WORK ORDER: Take the data below and extract the lines from the one with "#1=IFCCARTESIANPOINT((0.,0.,0.));" to the one with "#29=IFCPRODUCTDEFINITIONSHAPE($,$,(#28));", inclusive, exactly as written.

(Saved entries)
-- Opening Marker --
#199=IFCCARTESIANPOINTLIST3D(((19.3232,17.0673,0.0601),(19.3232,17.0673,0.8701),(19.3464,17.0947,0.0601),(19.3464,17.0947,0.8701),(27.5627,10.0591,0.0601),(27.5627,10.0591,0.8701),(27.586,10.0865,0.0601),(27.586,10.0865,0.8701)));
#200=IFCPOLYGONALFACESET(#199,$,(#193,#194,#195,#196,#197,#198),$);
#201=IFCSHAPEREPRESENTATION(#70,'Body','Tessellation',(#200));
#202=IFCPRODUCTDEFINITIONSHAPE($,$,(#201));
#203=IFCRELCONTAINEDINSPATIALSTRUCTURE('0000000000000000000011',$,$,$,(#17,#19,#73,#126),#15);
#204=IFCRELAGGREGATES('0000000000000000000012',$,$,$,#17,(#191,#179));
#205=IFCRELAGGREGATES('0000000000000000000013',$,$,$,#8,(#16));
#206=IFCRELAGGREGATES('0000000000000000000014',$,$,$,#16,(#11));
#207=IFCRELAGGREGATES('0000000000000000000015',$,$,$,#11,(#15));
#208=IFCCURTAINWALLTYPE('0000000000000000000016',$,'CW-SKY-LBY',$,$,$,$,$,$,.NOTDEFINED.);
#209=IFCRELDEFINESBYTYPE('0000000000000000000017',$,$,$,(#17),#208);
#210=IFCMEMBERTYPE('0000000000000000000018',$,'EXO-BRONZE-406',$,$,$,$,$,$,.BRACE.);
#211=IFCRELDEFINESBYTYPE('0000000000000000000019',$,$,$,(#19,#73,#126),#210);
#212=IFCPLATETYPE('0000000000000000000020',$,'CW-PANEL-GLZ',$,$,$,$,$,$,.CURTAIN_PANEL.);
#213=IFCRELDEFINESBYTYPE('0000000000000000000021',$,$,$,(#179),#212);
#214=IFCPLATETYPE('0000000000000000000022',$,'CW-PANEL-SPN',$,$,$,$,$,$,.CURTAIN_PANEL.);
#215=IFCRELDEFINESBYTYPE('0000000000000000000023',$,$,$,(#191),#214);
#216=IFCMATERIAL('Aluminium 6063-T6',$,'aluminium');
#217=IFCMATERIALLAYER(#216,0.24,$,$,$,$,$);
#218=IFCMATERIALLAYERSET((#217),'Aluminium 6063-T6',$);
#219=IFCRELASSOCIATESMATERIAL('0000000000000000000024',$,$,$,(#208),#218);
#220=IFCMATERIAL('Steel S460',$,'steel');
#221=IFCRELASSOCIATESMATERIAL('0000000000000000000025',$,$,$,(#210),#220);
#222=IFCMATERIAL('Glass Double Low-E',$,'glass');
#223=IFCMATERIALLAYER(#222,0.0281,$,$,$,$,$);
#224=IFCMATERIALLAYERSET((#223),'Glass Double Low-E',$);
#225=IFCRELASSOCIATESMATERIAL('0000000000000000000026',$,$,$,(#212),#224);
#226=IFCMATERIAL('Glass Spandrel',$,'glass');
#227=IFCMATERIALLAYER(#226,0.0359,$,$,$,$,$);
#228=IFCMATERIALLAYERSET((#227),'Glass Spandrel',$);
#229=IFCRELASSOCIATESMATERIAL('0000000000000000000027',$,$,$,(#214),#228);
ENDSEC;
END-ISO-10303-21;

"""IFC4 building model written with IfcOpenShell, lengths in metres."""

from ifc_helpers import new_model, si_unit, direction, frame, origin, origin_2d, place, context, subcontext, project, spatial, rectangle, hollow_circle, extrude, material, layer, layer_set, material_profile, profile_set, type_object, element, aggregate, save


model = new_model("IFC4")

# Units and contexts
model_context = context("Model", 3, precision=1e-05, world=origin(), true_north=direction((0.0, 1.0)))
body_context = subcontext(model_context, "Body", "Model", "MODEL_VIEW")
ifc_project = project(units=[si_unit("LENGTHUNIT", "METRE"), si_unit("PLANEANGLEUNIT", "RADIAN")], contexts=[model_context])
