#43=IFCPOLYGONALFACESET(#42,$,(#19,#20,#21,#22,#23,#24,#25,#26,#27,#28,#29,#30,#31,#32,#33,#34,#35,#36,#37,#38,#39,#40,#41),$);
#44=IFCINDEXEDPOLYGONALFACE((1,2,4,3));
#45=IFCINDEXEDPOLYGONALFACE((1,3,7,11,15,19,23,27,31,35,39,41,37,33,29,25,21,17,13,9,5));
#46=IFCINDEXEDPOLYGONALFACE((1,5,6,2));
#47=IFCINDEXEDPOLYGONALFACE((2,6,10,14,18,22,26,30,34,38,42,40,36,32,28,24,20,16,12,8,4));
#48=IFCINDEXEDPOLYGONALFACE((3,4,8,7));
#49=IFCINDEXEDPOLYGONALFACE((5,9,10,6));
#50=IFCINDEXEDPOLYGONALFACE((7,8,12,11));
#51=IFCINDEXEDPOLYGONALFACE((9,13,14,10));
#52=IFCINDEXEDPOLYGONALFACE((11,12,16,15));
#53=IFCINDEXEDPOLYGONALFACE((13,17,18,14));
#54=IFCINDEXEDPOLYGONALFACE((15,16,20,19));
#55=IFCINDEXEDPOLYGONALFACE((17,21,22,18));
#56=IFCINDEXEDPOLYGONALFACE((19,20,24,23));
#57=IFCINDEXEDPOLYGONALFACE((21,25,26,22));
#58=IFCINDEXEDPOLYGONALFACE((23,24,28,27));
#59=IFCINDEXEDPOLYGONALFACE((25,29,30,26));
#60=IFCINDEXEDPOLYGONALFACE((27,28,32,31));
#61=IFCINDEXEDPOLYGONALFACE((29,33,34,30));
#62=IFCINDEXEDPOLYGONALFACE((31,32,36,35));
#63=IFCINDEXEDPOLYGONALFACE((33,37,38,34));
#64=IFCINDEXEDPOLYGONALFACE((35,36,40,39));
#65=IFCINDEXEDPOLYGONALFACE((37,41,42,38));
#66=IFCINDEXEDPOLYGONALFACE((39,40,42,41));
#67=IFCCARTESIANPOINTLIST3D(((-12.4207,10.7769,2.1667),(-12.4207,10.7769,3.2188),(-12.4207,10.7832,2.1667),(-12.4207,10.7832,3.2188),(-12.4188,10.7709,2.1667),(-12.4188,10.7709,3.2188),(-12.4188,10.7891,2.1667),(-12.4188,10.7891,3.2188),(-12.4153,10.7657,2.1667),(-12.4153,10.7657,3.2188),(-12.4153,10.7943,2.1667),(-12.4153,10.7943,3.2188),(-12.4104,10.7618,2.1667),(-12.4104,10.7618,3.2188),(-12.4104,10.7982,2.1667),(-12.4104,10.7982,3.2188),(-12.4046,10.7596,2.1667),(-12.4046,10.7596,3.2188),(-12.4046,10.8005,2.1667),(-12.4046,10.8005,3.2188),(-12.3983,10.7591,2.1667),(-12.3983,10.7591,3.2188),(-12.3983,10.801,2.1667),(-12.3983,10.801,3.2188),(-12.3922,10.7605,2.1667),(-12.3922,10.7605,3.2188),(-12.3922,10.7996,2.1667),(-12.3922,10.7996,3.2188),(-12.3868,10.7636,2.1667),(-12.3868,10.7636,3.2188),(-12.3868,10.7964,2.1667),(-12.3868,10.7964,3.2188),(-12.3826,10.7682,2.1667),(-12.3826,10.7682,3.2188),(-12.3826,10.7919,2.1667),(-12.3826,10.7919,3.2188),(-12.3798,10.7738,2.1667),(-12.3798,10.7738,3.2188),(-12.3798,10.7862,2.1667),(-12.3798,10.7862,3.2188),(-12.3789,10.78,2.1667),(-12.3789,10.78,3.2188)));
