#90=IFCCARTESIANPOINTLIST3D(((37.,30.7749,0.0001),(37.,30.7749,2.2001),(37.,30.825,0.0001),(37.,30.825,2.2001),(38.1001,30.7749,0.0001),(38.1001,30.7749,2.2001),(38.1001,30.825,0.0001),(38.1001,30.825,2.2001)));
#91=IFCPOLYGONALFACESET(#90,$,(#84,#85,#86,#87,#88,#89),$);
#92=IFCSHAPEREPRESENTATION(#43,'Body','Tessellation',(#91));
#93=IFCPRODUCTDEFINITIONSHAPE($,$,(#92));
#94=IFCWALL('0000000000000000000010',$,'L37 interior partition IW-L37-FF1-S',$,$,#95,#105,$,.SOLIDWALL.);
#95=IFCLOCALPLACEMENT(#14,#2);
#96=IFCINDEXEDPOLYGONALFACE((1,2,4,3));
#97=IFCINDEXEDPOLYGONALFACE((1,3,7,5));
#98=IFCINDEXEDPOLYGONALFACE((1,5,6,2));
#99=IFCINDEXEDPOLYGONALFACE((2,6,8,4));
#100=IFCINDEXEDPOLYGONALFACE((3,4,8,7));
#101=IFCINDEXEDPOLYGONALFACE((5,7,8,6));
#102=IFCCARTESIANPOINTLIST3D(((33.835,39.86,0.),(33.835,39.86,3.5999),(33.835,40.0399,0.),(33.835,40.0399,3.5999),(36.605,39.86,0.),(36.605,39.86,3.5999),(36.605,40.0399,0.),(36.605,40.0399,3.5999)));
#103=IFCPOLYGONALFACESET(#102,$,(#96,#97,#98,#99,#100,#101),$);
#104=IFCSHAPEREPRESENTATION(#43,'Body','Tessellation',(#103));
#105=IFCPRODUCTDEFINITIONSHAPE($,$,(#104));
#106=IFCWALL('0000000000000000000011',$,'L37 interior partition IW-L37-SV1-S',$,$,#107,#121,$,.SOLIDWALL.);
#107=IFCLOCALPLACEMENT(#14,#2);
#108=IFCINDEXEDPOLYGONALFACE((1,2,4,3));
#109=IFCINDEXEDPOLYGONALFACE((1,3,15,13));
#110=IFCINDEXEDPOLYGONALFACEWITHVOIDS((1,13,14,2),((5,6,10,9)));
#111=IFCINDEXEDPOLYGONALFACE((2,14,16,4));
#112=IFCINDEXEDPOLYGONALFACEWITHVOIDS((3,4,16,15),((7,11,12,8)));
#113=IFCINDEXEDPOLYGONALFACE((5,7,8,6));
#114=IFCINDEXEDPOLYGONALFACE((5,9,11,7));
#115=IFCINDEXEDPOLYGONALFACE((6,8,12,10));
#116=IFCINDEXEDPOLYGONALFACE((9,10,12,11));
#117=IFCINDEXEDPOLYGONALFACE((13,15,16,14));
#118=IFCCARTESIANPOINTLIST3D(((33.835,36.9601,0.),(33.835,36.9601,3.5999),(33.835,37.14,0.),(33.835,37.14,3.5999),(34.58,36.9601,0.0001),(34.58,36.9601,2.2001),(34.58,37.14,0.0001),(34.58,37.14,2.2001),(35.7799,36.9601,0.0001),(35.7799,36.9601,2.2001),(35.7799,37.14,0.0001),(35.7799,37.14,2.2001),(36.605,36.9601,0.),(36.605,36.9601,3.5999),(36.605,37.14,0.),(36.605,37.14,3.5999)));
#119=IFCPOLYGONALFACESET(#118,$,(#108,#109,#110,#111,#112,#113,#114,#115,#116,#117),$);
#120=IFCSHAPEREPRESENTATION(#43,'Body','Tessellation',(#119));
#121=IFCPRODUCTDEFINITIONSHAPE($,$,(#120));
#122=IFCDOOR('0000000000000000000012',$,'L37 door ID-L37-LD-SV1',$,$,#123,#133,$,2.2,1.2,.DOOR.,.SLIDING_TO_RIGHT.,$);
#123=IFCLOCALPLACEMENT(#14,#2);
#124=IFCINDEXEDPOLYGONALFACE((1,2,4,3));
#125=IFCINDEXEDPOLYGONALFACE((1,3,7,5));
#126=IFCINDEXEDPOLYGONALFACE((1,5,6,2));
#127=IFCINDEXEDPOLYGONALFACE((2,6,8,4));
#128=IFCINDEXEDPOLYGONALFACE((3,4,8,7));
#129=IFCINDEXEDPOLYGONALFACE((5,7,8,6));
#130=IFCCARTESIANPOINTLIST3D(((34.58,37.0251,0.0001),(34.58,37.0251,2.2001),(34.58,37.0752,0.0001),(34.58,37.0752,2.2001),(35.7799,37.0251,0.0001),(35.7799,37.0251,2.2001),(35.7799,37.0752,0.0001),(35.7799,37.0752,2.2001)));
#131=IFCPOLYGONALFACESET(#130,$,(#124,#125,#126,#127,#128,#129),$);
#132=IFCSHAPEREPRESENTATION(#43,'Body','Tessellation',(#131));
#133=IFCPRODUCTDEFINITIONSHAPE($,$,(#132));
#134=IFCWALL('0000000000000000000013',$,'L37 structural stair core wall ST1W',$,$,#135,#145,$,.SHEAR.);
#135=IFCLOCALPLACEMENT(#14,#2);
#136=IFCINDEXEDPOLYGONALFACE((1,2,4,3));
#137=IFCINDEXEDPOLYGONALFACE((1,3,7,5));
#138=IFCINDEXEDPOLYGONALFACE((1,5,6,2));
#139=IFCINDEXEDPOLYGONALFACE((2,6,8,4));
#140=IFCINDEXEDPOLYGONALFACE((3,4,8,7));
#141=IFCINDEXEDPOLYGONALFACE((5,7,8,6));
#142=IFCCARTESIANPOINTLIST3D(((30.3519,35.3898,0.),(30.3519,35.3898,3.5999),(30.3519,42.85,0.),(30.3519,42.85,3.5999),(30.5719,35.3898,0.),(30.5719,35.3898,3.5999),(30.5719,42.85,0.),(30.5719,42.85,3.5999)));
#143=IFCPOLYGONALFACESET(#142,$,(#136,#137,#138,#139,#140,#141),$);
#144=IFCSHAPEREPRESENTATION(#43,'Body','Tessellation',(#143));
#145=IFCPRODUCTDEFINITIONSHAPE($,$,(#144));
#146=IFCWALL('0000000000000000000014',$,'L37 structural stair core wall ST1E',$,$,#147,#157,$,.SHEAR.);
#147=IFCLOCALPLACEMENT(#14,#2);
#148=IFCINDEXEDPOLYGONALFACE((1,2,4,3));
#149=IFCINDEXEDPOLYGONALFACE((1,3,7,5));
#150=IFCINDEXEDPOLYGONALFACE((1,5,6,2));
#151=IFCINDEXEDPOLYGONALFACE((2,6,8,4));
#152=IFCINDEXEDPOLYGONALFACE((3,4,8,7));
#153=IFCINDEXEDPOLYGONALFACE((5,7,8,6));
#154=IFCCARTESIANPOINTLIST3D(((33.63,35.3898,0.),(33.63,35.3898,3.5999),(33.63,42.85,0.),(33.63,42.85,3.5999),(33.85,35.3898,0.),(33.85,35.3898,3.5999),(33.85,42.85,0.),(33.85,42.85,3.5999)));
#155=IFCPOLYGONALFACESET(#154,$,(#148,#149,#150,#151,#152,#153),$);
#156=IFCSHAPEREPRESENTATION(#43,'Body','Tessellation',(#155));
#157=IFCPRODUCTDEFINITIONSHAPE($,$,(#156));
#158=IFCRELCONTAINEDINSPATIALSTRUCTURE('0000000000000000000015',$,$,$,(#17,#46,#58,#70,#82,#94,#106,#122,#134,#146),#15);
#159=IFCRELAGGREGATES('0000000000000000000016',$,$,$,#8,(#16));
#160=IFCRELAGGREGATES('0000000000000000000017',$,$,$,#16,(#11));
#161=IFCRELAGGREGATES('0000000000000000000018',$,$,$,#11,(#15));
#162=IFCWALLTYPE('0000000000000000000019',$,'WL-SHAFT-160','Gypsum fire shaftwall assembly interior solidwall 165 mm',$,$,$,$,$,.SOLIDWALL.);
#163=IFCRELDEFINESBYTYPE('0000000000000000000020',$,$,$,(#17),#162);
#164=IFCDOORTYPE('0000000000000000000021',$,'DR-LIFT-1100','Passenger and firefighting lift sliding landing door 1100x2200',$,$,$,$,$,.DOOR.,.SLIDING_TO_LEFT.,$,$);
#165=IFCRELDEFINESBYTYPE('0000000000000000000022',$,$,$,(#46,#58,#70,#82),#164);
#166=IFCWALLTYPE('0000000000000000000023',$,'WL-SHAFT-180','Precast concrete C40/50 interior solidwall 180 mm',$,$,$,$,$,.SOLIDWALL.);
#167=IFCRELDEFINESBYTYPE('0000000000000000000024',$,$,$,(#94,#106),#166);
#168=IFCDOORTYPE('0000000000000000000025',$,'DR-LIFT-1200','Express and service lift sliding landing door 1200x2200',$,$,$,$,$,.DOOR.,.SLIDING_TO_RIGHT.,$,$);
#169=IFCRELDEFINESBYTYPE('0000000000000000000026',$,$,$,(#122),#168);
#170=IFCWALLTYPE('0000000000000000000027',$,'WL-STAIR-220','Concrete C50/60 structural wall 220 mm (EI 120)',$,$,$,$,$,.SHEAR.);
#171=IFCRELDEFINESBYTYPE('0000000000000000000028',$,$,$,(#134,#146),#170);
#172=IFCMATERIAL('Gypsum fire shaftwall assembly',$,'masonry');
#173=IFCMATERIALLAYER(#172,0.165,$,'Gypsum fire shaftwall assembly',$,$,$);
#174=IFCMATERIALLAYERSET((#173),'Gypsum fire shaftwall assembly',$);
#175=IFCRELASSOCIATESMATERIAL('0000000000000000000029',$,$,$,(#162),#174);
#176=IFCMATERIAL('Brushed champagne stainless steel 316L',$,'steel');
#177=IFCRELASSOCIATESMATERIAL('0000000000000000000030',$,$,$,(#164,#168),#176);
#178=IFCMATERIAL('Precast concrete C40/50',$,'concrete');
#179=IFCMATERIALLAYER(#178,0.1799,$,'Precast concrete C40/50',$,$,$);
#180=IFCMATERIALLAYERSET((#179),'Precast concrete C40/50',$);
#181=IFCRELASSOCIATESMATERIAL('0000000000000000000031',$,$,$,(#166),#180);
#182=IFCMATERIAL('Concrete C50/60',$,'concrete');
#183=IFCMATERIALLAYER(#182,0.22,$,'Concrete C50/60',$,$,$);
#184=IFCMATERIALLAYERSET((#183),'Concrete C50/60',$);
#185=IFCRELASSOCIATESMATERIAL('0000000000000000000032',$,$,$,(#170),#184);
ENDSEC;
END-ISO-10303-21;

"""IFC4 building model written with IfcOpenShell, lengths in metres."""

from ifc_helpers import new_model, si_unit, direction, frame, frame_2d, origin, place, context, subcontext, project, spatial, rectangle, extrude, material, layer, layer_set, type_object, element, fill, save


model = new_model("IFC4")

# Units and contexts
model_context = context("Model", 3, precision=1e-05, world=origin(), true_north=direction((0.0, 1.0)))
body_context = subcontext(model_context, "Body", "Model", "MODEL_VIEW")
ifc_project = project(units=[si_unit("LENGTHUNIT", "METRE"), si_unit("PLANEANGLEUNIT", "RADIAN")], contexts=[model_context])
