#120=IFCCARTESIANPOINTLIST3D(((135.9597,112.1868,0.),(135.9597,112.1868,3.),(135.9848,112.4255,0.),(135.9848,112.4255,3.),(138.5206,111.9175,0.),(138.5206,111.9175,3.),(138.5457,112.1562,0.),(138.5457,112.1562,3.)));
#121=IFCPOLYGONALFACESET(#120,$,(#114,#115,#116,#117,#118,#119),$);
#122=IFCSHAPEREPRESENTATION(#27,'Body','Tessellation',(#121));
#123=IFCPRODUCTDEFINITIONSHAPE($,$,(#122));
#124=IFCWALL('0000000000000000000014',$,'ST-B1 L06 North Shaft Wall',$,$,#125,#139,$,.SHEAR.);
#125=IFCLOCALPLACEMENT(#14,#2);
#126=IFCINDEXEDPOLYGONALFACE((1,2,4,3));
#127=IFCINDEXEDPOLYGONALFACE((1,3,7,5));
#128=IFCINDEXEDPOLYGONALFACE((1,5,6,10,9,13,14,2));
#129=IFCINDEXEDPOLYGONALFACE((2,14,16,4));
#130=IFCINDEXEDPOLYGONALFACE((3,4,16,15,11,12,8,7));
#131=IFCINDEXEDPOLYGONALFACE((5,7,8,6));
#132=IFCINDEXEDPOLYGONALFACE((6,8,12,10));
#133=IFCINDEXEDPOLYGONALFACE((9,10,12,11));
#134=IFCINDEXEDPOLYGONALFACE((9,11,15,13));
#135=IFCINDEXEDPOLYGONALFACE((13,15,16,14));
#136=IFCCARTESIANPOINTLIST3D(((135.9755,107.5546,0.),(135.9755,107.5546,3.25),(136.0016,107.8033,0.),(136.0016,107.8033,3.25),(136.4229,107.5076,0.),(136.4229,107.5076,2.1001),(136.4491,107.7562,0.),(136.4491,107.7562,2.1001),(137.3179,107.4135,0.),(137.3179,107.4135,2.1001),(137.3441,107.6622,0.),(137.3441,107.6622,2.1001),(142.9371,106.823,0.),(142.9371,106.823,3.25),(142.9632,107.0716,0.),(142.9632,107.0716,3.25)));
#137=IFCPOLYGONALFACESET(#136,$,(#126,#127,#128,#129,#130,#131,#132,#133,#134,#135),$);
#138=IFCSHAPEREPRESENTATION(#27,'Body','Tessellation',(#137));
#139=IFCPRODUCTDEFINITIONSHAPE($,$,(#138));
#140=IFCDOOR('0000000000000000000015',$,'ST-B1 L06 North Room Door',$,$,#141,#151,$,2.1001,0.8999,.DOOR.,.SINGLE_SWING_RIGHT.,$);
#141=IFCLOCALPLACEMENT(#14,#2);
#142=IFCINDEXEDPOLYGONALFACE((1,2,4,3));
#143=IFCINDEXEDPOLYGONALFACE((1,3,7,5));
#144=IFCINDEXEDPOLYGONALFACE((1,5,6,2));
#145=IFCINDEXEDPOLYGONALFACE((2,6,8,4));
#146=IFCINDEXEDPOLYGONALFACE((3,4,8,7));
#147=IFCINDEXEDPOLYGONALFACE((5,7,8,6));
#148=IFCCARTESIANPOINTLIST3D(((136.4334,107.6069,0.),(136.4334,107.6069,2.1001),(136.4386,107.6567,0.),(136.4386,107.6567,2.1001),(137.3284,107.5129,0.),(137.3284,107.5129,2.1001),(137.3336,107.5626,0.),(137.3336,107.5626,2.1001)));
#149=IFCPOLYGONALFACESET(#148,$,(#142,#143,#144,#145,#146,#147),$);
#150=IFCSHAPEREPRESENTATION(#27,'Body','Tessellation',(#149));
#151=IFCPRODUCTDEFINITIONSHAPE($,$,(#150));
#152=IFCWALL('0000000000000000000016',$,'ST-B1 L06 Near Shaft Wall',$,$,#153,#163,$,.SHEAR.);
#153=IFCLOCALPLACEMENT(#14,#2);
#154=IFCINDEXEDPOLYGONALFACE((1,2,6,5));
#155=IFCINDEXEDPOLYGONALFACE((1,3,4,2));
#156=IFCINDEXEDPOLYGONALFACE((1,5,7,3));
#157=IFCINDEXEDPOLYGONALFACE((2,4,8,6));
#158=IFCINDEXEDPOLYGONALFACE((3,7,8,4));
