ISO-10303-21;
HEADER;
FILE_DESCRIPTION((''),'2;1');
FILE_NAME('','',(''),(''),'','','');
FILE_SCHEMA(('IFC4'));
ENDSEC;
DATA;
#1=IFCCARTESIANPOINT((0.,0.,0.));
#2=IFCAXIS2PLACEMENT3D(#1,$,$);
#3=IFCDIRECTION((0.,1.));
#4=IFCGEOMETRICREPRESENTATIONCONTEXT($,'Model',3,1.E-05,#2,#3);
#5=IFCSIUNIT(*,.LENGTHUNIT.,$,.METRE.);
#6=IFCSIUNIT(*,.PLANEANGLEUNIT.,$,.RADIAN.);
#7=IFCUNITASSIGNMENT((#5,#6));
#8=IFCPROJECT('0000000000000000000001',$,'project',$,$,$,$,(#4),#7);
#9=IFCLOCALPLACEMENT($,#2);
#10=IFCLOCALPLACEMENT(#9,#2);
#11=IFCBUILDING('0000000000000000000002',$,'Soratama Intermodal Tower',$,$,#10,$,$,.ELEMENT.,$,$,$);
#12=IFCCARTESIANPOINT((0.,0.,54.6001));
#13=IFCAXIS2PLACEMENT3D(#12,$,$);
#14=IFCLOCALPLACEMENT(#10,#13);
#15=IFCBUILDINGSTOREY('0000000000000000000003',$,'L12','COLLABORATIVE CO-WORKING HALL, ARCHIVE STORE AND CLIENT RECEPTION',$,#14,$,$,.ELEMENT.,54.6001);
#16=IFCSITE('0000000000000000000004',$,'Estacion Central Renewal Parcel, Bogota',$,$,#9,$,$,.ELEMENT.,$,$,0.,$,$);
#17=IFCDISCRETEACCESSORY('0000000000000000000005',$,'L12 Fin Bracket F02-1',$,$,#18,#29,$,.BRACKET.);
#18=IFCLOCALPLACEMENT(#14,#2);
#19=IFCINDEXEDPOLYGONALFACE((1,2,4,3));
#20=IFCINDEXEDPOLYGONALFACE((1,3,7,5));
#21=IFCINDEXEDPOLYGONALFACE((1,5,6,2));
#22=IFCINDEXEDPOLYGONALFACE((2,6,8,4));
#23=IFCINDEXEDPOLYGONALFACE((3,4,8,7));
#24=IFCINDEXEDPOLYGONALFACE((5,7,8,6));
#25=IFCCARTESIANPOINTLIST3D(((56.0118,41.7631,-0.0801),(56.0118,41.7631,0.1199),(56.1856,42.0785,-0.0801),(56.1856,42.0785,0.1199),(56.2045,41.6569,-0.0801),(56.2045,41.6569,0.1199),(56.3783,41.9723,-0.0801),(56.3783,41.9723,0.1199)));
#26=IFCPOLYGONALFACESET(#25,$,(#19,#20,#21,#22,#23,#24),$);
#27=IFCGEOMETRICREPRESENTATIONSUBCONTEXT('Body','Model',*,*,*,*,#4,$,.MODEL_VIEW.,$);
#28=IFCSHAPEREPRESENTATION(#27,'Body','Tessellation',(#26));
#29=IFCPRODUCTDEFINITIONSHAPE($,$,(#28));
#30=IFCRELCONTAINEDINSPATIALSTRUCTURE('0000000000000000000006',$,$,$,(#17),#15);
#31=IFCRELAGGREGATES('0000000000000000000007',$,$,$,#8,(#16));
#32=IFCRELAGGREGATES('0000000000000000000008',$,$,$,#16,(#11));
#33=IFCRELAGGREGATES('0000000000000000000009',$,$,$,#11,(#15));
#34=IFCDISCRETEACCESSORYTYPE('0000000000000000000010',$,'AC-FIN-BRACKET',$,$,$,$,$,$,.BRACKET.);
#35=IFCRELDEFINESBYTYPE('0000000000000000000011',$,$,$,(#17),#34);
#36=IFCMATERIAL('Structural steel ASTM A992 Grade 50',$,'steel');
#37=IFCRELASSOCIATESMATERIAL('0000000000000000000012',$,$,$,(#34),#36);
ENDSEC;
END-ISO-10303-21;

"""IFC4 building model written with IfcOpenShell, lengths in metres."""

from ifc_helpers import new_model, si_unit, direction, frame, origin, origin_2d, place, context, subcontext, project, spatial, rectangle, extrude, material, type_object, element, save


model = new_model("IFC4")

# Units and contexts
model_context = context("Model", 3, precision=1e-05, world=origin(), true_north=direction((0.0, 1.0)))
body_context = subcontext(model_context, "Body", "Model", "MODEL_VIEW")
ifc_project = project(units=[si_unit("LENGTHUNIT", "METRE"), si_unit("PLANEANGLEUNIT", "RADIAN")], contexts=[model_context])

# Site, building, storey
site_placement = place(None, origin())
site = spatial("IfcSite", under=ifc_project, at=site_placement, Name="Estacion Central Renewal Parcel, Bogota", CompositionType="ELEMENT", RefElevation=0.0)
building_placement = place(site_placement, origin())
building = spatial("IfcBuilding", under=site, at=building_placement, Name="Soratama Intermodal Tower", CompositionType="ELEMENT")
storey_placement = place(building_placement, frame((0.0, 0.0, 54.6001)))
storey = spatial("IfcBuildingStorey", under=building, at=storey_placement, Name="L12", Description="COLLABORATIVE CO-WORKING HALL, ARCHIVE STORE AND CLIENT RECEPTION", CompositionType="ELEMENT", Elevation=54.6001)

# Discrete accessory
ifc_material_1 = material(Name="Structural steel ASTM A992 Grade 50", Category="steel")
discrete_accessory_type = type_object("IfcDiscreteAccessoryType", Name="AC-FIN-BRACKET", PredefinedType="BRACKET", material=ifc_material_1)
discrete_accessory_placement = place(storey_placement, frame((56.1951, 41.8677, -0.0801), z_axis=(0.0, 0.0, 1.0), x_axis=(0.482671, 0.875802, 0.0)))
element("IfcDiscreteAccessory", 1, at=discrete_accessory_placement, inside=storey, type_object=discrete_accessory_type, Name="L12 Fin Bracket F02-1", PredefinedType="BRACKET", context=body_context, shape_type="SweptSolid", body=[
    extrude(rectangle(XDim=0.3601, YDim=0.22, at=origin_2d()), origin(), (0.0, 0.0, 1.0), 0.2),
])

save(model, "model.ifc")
-- Closing Marker --
RESULT OF THE EXERCISE:
#1=IFCCARTESIANPOINT((0.,0.,0.));
#2=IFCAXIS2PLACEMENT3D(#1,$,$);
#3=IFCDIRECTION((0.,1.));
#4=IFCGEOMETRICREPRESENTATIONCONTEXT($,'Model',3,1.E-05,#2,#3);
#5=IFCSIUNIT(*,.LENGTHUNIT.,$,.METRE.);
#6=IFCSIUNIT(*,.PLANEANGLEUNIT.,$,.RADIAN.);
#7=IFCUNITASSIGNMENT((#5,#6));
#8=IFCPROJECT('0000000000000000000001',$,'project',$,$,$,$,(#4),#7);
#9=IFCLOCALPLACEMENT($,#2);
#10=IFCLOCALPLACEMENT(#9,#2);
#11=IFCBUILDING('0000000000000000000002',$,'Soratama Intermodal Tower',$,$,#10,$,$,.ELEMENT.,$,$,$);
#12=IFCCARTESIANPOINT((0.,0.,54.6001));
#13=IFCAXIS2PLACEMENT3D(#12,$,$);
#14=IFCLOCALPLACEMENT(#10,#13);
#15=IFCBUILDINGSTOREY('0000000000000000000003',$,'L12','COLLABORATIVE CO-WORKING HALL, ARCHIVE STORE AND CLIENT RECEPTION',$,#14,$,$,.ELEMENT.,54.6001);
#16=IFCSITE('0000000000000000000004',$,'Estacion Central Renewal Parcel, Bogota',$,$,#9,$,$,.ELEMENT.,$,$,0.,$,$);
#17=IFCDISCRETEACCESSORY('0000000000000000000005',$,'L12 Fin Bracket F02-1',$,$,#18,#29,$,.BRACKET.);
#18=IFCLOCALPLACEMENT(#14,#2);
#19=IFCINDEXEDPOLYGONALFACE((1,2,4,3));
#20=IFCINDEXEDPOLYGONALFACE((1,3,7,5));
#21=IFCINDEXEDPOLYGONALFACE((1,5,6,2));
#22=IFCINDEXEDPOLYGONALFACE((2,6,8,4));
#23=IFCINDEXEDPOLYGONALFACE((3,4,8,7));
#24=IFCINDEXEDPOLYGONALFACE((5,7,8,6));
#25=IFCCARTESIANPOINTLIST3D(((56.0118,41.7631,-0.0801),(56.0118,41.7631,0.1199),(56.1856,42.0785,-0.0801),(56.1856,42.0785,0.1199),(56.2045,41.6569,-0.0801),(56.2045,41.6569,0.1199),(56.3783,41.9723,-0.0801),(56.3783,41.9723,0.1199)));
#26=IFCPOLYGONALFACESET(#25,$,(#19,#20,#21,#22,#23,#24),$);
#27=IFCGEOMETRICREPRESENTATIONSUBCONTEXT('Body','Model',*,*,*,*,#4,$,.MODEL_VIEW.,$);
#28=IFCSHAPEREPRESENTATION(#27,'Body','Tessellation',(#26));
#29=IFCPRODUCTDEFINITIONSHAPE($,$,(#28));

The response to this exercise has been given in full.